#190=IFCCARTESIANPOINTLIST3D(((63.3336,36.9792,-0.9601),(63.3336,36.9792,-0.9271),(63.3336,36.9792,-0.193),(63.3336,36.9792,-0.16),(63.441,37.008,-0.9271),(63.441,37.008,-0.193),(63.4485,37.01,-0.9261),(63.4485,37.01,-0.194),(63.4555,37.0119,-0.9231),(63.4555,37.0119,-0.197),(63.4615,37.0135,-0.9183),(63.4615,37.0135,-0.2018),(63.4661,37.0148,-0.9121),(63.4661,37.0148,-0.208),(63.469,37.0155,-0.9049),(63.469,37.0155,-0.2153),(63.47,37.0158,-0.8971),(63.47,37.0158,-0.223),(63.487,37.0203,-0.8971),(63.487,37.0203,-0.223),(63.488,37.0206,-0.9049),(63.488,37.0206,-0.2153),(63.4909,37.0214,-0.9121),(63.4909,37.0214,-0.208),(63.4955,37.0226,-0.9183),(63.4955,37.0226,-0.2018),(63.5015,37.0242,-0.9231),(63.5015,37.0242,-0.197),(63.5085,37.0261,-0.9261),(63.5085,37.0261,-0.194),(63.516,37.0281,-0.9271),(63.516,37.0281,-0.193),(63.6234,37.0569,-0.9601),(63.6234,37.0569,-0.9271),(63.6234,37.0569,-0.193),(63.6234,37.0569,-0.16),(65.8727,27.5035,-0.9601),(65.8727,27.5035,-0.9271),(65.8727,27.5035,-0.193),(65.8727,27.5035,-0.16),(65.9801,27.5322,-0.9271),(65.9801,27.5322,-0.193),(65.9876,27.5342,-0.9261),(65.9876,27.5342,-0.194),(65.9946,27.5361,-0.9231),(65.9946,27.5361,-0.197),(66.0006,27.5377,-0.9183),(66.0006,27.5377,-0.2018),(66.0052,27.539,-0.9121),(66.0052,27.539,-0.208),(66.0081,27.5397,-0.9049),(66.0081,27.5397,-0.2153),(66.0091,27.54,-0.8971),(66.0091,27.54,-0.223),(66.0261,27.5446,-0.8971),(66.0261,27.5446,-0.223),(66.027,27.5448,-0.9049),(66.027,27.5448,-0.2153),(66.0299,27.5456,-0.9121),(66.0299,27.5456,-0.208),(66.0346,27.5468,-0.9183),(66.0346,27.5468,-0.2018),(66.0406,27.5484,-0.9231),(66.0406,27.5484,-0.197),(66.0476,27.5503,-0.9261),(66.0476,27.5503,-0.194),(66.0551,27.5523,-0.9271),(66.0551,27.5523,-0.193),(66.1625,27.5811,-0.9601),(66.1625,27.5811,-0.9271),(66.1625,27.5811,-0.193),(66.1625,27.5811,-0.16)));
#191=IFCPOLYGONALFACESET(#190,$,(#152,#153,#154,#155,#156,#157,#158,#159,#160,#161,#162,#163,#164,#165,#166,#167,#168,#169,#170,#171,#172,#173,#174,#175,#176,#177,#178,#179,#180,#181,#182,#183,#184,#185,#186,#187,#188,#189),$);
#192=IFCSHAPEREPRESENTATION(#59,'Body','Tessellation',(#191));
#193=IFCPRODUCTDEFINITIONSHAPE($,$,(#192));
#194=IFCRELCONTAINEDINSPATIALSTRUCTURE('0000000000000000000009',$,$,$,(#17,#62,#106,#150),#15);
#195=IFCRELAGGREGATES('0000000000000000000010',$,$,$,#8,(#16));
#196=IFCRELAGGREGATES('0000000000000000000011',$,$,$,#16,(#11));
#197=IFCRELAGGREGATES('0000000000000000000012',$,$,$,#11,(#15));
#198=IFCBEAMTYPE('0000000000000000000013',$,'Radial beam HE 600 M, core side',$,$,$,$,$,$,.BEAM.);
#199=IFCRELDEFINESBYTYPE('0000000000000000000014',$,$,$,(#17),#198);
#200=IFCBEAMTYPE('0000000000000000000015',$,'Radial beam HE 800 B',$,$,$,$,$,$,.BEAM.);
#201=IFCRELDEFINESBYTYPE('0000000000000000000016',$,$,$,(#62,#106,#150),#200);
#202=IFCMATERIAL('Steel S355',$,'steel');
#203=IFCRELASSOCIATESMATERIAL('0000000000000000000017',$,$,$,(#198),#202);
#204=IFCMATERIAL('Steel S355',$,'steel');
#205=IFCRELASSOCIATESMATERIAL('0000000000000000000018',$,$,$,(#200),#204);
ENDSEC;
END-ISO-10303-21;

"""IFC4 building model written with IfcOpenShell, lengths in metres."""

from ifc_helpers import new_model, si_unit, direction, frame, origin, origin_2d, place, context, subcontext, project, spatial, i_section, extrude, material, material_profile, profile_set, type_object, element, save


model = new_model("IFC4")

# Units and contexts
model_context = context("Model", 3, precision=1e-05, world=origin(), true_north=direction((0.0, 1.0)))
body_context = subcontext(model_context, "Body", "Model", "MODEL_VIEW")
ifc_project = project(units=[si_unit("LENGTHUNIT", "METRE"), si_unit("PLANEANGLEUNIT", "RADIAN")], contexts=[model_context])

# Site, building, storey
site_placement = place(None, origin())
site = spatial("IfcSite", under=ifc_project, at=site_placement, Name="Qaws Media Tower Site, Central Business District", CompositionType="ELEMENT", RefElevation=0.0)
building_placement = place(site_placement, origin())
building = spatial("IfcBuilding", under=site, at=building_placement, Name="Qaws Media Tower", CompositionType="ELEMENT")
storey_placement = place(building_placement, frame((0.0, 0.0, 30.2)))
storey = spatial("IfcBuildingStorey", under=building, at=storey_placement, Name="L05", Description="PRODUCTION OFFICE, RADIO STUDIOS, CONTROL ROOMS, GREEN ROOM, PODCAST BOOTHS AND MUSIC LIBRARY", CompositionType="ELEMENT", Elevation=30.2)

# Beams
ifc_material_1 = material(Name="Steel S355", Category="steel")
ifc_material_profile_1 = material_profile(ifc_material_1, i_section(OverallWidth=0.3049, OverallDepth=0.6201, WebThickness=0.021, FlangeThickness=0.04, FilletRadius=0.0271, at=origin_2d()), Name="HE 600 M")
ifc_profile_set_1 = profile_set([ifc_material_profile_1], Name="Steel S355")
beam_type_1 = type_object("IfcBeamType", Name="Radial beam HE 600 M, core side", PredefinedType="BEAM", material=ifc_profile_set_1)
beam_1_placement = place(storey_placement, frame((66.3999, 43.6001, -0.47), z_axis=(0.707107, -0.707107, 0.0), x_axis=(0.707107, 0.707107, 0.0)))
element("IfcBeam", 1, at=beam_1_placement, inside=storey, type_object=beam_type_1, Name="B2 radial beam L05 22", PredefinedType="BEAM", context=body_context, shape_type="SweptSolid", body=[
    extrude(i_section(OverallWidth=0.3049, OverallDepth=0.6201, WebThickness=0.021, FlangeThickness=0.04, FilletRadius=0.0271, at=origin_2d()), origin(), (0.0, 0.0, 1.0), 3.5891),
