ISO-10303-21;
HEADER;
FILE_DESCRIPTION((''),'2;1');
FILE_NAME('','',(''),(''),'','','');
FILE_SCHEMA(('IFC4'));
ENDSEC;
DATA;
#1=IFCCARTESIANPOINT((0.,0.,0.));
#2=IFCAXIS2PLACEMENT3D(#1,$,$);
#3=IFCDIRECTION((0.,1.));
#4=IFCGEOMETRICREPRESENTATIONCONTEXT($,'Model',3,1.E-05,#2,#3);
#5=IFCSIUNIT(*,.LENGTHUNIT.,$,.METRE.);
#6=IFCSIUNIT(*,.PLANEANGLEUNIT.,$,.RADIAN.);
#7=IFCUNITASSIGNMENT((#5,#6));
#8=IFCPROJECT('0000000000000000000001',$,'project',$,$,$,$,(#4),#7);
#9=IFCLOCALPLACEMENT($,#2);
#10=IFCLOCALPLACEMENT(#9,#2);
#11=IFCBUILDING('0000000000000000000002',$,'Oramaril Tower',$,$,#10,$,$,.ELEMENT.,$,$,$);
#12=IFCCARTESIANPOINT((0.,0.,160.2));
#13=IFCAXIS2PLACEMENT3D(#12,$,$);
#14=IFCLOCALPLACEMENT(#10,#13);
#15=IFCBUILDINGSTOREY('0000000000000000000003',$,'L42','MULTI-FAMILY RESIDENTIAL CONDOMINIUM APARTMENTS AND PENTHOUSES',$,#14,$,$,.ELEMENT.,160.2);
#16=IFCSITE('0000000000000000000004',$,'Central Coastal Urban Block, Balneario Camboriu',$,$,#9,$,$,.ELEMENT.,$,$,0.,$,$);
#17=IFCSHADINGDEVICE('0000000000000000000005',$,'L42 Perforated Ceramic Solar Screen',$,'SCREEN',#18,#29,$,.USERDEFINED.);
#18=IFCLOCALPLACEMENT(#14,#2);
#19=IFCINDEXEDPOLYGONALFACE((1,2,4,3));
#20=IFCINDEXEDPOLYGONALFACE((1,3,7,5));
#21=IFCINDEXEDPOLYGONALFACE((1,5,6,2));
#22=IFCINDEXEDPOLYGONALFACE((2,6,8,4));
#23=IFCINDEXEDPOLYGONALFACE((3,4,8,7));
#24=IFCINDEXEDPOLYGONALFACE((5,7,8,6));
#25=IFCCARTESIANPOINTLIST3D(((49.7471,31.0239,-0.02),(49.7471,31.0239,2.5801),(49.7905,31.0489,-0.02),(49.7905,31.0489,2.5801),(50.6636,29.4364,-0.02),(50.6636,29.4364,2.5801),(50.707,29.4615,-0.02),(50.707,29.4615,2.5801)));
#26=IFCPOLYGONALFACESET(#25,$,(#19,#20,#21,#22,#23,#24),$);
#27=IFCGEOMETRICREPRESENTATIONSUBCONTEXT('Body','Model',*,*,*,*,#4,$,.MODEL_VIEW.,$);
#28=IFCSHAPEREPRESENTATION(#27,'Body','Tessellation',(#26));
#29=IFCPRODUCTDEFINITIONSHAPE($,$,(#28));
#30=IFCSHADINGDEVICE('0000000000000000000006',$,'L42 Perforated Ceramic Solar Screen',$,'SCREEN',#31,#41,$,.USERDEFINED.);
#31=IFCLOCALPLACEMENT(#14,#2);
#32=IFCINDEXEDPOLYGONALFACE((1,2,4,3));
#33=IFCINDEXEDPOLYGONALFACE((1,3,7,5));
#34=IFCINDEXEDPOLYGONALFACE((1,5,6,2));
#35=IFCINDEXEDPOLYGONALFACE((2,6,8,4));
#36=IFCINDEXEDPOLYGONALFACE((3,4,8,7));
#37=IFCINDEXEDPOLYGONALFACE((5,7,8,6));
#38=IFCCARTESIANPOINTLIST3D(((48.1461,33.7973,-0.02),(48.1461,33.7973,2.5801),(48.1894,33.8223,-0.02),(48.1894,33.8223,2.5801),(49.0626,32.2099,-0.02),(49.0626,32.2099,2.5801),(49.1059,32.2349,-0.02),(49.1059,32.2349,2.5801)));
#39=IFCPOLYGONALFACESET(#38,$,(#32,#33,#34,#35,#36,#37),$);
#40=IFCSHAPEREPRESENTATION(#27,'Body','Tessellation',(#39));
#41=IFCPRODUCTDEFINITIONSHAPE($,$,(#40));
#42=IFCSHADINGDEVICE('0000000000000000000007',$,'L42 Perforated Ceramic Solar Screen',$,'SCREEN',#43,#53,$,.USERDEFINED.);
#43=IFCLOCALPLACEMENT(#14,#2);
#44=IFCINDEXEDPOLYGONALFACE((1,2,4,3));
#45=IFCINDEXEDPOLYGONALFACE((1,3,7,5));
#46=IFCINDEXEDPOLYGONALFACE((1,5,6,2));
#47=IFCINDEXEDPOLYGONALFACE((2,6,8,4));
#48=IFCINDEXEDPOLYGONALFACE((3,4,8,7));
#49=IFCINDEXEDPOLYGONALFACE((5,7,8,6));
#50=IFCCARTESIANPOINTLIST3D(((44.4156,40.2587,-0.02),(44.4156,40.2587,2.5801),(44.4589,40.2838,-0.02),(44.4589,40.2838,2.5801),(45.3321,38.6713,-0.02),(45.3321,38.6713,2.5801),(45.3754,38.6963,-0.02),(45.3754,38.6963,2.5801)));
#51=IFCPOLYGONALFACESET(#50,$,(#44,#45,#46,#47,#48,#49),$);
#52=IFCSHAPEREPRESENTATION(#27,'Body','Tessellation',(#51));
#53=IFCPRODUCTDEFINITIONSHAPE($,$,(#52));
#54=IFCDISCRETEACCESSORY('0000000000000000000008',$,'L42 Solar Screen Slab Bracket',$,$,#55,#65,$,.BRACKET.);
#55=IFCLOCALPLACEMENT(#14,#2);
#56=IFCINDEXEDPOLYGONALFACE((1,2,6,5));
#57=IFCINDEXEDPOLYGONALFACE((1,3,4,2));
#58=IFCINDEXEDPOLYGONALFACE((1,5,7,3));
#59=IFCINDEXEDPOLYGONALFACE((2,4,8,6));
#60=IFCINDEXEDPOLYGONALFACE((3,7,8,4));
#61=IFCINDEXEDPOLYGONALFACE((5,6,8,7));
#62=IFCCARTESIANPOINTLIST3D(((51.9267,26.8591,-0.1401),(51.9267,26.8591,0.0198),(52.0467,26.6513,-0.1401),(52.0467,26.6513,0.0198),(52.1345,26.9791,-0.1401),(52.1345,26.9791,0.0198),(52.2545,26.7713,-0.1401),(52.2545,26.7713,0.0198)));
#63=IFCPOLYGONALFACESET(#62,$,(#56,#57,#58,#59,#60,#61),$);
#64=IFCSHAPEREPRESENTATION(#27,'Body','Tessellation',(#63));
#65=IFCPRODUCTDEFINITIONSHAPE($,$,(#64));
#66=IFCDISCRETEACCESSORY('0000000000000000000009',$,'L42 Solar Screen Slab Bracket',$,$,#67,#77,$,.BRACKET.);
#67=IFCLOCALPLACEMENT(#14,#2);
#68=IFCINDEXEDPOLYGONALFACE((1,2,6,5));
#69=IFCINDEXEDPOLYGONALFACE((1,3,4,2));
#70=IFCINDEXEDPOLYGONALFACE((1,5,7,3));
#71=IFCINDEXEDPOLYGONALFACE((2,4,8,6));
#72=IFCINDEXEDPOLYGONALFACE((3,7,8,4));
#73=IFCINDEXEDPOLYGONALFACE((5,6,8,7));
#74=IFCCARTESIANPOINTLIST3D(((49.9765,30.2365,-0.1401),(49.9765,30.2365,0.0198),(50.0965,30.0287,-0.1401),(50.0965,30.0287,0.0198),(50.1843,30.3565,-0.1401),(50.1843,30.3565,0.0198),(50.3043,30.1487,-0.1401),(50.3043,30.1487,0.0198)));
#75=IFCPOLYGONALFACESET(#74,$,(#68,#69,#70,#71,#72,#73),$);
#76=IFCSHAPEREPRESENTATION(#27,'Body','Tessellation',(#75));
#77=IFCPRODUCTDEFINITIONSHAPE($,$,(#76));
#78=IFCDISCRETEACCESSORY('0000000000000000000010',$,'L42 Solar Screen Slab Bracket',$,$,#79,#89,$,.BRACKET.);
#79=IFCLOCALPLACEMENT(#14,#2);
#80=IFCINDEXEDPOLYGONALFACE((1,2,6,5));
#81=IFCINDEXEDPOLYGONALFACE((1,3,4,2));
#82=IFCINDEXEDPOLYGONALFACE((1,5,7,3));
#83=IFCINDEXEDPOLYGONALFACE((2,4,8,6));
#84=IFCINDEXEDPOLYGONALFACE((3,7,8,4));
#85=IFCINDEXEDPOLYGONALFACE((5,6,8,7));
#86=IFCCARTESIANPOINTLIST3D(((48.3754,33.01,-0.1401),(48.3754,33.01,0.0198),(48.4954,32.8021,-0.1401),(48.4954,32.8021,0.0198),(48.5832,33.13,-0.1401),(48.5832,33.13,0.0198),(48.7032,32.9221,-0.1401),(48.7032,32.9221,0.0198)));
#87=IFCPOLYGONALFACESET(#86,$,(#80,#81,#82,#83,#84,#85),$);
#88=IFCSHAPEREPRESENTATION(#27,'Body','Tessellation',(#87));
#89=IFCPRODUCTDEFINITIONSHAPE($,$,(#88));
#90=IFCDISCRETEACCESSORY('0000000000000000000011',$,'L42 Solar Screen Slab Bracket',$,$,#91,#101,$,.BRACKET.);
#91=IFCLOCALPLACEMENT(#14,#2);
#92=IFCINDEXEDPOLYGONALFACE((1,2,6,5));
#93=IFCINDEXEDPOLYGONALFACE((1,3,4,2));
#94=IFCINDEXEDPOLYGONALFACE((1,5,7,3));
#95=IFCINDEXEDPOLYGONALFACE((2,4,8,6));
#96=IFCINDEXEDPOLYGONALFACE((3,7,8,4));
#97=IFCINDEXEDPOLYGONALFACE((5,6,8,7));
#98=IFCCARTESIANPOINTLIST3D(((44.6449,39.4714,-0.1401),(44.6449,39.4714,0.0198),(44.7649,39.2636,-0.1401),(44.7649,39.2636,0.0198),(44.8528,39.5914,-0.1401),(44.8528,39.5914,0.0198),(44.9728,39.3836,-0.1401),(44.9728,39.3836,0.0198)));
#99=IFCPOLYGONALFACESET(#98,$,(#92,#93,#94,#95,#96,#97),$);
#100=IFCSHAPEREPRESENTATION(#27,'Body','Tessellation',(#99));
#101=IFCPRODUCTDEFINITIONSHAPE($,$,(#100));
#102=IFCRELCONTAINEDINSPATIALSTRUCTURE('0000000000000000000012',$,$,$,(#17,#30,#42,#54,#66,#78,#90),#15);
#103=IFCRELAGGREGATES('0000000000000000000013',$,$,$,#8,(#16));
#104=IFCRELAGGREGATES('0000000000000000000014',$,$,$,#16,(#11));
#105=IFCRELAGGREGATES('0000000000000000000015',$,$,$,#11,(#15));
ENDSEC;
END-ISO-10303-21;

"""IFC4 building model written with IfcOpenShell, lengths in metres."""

from ifc_helpers import new_model, si_unit, direction, frame, origin, origin_2d, place, context, subcontext, project, spatial, rectangle, extrude, element, save


model = new_model("IFC4")

# Units and contexts
model_context = context("Model", 3, precision=1e-05, world=origin(), true_north=direction((0.0, 1.0)))
body_context = subcontext(model_context, "Body", "Model", "MODEL_VIEW")
ifc_project = project(units=[si_unit("LENGTHUNIT", "METRE"), si_unit("PLANEANGLEUNIT", "RADIAN")], contexts=[model_context])

# Site, building, storey
site_placement = place(None, origin())
site = spatial("IfcSite", under=ifc_project, at=site_placement, Name="Central Coastal Urban Block, Balneario Camboriu", CompositionType="ELEMENT", RefElevation=0.0)
building_placement = place(site_placement, origin())
building = spatial("IfcBuilding", under=site, at=building_placement, Name="Oramaril Tower", CompositionType="ELEMENT")
storey_placement = place(building_placement, frame((0.0, 0.0, 160.2)))
storey = spatial("IfcBuildingStorey", under=building, at=storey_placement, Name="L42", Description="MULTI-FAMILY RESIDENTIAL CONDOMINIUM APARTMENTS AND PENTHOUSES", CompositionType="ELEMENT", Elevation=160.2)

# Shading devices
for number, where, z_axis, x_axis, name in (
    (1, (50.2271, 30.2427, -0.02), (0.0, 0.0, 1.0), (-0.5, 0.866025, 0.0), "L42 Perforated Ceramic Solar Screen"),
    (2, (48.626, 33.0161, -0.02), (0.0, 0.0, 1.0), (-0.5, 0.866025, 0.0), "L42 Perforated Ceramic Solar Screen"),
    (3, (44.8955, 39.4775, -0.02), (0.0, 0.0, 1.0), (-0.5, 0.866025, 0.0), "L42 Perforated Ceramic Solar Screen"),
):
    element("IfcShadingDevice", number, at=place(storey_placement, frame(where, z_axis=z_axis, x_axis=x_axis)), inside=storey, Name=name, ObjectType="SCREEN", PredefinedType="USERDEFINED", context=body_context, shape_type="SweptSolid", body=[
        extrude(rectangle(XDim=1.833, YDim=0.05, at=origin_2d()), origin(), (0.0, 0.0, 1.0), 2.6001),
    ])

# Discrete accessories
for number, where, z_axis, x_axis, name in (
    (4, (52.0906, 26.8152, -0.1401), (0.0, 0.0, 1.0), (-0.5, 0.866025, 0.0), "L42 Solar Screen Slab Bracket"),
    (5, (50.1404, 30.1926, -0.1401), (0.0, 0.0, 1.0), (-0.5, 0.866025, 0.0), "L42 Solar Screen Slab Bracket"),
    (6, (48.5393, 32.9661, -0.1401), (0.0, 0.0, 1.0), (-0.5, 0.866025, 0.0), "L42 Solar Screen Slab Bracket"),
    (7, (44.8088, 39.4275, -0.1401), (0.0, 0.0, 1.0), (-0.5, 0.866025, 0.0), "L42 Solar Screen Slab Bracket"),
):
    element("IfcDiscreteAccessory", number, at=place(storey_placement, frame(where, z_axis=z_axis, x_axis=x_axis)), inside=storey, Name=name, PredefinedType="BRACKET", context=body_context, shape_type="SweptSolid", body=[
        extrude(rectangle(XDim=0.24, YDim=0.24, at=origin_2d()), origin(), (0.0, 0.0, 1.0), 0.1599),
    ])

save(model, "model.ifc")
◇ ◇ ◇ ◇ ◇
▶ **WHAT TO DO**: Starting at the line that contains "Screen Slab Bracket',$,$,#67,#77,$,.BRACKET.);" and stopping after the line that contains "#85=IFCINDEXEDPOLYGONALFACE((5,6,8,7));", write out every line exactly as it appears above, and no other line.

▶ **RESPONSE TO THIS EXERCISE**:
#66=IFCDISCRETEACCESSORY('0000000000000000000009',$,'L42 Solar Screen Slab Bracket',$,$,#67,#77,$,.BRACKET.);
#67=IFCLOCALPLACEMENT(#14,#2);
#68=IFCINDEXEDPOLYGONALFACE((1,2,6,5));
#69=IFCINDEXEDPOLYGONALFACE((1,3,4,2));
#70=IFCINDEXEDPOLYGONALFACE((1,5,7,3));
#71=IFCINDEXEDPOLYGONALFACE((2,4,8,6));
#72=IFCINDEXEDPOLYGONALFACE((3,7,8,4));
#73=IFCINDEXEDPOLYGONALFACE((5,6,8,7));
#74=IFCCARTESIANPOINTLIST3D(((49.9765,30.2365,-0.1401),(49.9765,30.2365,0.0198),(50.0965,30.0287,-0.1401),(50.0965,30.0287,0.0198),(50.1843,30.3565,-0.1401),(50.1843,30.3565,0.0198),(50.3043,30.1487,-0.1401),(50.3043,30.1487,0.0198)));
#75=IFCPOLYGONALFACESET(#74,$,(#68,#69,#70,#71,#72,#73),$);
#76=IFCSHAPEREPRESENTATION(#27,'Body','Tessellation',(#75));
#77=IFCPRODUCTDEFINITIONSHAPE($,$,(#76));
#78=IFCDISCRETEACCESSORY('0000000000000000000010',$,'L42 Solar Screen Slab Bracket',$,$,#79,#89,$,.BRACKET.);
#79=IFCLOCALPLACEMENT(#14,#2);
#80=IFCINDEXEDPOLYGONALFACE((1,2,6,5));
#81=IFCINDEXEDPOLYGONALFACE((1,3,4,2));
#82=IFCINDEXEDPOLYGONALFACE((1,5,7,3));
#83=IFCINDEXEDPOLYGONALFACE((2,4,8,6));
#84=IFCINDEXEDPOLYGONALFACE((3,7,8,4));
#85=IFCINDEXEDPOLYGONALFACE((5,6,8,7));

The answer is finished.